BEGIN Data to process
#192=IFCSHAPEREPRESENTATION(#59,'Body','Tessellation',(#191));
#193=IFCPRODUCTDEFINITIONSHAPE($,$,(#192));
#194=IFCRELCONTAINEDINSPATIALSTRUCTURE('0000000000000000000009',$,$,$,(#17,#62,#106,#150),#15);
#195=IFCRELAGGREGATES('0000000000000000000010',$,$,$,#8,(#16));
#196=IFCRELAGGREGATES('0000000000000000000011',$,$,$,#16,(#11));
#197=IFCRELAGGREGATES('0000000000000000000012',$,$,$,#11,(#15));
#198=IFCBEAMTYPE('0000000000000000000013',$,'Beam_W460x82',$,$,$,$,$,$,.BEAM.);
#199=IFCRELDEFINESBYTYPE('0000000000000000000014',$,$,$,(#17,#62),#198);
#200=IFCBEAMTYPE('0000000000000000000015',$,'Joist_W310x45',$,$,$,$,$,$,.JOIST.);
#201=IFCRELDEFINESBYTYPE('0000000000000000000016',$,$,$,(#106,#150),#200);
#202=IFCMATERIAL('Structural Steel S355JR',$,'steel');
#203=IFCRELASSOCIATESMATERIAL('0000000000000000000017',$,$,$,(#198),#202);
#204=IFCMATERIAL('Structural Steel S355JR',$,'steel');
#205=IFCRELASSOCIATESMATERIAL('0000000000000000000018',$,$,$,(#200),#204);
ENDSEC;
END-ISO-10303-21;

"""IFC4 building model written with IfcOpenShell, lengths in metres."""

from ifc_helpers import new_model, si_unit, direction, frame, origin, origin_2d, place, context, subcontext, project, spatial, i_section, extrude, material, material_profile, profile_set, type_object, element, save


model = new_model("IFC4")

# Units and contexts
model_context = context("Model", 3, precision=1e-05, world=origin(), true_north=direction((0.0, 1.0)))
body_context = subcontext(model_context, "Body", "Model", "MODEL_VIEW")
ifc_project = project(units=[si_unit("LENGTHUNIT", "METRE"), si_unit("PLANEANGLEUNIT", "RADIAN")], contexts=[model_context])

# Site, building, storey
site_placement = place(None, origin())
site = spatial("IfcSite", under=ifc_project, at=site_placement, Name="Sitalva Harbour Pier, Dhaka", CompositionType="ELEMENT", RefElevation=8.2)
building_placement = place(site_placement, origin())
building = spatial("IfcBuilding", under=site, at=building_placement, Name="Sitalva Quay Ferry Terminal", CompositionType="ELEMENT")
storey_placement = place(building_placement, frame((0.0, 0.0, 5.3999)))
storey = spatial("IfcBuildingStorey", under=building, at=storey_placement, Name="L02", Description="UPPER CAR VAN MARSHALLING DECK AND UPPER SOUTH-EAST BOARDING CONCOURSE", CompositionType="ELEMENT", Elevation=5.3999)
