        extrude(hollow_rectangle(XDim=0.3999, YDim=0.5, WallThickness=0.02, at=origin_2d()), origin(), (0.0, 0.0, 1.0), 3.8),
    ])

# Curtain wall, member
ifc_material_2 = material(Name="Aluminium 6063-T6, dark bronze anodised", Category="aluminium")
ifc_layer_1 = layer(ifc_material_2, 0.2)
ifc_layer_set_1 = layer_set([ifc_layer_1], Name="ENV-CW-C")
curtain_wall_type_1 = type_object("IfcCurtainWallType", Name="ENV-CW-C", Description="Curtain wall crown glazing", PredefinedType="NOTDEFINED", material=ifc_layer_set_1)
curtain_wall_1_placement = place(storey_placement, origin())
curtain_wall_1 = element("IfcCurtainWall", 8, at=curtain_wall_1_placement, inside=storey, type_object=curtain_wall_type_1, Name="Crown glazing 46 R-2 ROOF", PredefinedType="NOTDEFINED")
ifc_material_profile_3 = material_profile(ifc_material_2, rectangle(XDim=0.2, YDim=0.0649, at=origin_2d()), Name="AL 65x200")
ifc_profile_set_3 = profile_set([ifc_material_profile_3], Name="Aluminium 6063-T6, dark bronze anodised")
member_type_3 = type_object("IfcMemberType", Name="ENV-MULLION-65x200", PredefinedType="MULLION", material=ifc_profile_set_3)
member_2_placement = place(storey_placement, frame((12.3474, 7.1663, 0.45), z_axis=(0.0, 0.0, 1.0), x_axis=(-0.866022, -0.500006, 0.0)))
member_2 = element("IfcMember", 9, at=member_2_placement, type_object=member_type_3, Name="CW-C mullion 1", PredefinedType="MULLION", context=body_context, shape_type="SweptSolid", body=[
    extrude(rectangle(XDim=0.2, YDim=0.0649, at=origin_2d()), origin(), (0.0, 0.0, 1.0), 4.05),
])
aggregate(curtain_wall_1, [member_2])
END Data to process
■ **Task requirements**: Take every line from the data that includes the word "Steel".

■ **Exercise response**:
#202=IFCMATERIAL('Structural Steel S355JR',$,'steel');
#204=IFCMATERIAL('Structural Steel S355JR',$,'steel');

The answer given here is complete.